| What the task requires |
From the line containing "#52=IFCINDEXEDPOLYGONALFACE((11,12,16,15));" to the final line of the entries, every line is to be reproduced exactly; no other line belongs in the output.
______________________________
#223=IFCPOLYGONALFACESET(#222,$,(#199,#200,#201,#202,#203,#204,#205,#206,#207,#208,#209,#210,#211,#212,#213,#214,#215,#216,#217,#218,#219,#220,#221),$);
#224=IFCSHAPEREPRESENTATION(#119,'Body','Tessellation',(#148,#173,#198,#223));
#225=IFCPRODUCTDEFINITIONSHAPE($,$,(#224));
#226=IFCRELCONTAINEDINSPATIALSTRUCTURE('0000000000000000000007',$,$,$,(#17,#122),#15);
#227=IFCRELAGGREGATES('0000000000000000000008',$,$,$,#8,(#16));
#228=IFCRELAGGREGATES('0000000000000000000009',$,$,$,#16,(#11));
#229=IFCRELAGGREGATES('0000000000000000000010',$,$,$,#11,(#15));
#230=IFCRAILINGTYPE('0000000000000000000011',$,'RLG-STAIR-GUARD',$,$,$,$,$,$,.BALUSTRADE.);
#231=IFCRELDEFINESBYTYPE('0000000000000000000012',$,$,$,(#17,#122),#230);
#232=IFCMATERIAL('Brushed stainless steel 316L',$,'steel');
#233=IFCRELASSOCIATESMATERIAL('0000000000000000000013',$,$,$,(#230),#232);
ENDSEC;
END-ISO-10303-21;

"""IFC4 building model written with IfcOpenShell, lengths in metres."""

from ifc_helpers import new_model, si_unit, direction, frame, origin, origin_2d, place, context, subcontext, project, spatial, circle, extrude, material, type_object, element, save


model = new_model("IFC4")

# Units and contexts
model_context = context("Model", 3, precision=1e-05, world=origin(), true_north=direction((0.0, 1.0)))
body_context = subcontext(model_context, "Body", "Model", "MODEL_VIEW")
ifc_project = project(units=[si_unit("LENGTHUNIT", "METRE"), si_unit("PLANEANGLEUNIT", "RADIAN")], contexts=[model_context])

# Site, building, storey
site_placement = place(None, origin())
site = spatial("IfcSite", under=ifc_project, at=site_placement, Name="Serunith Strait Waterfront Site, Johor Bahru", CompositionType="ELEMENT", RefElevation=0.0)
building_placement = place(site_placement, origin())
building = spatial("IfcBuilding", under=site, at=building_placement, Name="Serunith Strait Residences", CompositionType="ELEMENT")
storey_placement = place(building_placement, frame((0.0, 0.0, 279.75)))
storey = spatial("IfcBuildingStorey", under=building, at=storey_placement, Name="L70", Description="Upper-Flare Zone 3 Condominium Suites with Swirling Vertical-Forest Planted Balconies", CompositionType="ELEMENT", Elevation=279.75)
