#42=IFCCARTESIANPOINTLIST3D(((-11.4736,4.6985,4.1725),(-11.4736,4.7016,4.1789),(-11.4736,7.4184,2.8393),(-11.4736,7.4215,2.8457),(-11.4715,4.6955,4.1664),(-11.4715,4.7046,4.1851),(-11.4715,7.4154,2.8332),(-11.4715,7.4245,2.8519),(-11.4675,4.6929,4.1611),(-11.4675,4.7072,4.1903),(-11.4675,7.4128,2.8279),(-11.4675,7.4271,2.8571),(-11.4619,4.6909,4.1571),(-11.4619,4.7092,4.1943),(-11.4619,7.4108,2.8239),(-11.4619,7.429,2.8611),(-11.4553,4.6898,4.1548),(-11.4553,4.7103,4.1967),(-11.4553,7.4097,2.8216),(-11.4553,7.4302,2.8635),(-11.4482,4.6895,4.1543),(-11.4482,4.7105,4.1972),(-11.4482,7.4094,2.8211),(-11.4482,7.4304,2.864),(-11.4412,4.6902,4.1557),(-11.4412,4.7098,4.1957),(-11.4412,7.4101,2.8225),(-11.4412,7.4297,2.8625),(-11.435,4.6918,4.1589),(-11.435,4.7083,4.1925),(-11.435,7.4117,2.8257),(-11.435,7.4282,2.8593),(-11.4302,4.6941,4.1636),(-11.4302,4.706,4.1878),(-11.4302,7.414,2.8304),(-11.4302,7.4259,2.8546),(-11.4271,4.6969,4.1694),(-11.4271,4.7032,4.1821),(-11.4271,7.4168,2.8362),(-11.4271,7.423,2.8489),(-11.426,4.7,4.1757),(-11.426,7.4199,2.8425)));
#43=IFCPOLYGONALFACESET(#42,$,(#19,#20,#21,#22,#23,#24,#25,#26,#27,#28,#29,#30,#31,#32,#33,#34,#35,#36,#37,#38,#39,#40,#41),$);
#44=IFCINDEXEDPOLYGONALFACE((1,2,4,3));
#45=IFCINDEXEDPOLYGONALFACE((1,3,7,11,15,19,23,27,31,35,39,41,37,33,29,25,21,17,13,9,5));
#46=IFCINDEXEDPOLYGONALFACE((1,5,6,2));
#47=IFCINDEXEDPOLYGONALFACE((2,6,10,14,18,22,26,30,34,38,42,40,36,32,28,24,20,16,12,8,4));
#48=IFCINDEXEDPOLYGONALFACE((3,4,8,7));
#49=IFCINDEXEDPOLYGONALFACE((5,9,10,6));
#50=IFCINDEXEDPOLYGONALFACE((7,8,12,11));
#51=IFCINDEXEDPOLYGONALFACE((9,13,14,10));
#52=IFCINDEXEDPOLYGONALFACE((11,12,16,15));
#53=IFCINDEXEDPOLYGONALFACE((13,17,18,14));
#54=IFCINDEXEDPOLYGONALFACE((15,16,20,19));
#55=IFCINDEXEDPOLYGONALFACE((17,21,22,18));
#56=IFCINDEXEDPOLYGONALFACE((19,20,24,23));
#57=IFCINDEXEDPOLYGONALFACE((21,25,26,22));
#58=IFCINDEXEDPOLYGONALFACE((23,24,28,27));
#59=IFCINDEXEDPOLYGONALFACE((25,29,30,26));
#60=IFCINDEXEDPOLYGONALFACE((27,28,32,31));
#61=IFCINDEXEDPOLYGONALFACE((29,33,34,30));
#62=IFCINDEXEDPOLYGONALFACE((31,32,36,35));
______________________________
| Solution to this problem |
#52=IFCINDEXEDPOLYGONALFACE((11,12,16,15));
#53=IFCINDEXEDPOLYGONALFACE((13,17,18,14));
#54=IFCINDEXEDPOLYGONALFACE((15,16,20,19));
#55=IFCINDEXEDPOLYGONALFACE((17,21,22,18));
#56=IFCINDEXEDPOLYGONALFACE((19,20,24,23));
#57=IFCINDEXEDPOLYGONALFACE((21,25,26,22));
#58=IFCINDEXEDPOLYGONALFACE((23,24,28,27));
#59=IFCINDEXEDPOLYGONALFACE((25,29,30,26));
#60=IFCINDEXEDPOLYGONALFACE((27,28,32,31));
#61=IFCINDEXEDPOLYGONALFACE((29,33,34,30));
#62=IFCINDEXEDPOLYGONALFACE((31,32,36,35));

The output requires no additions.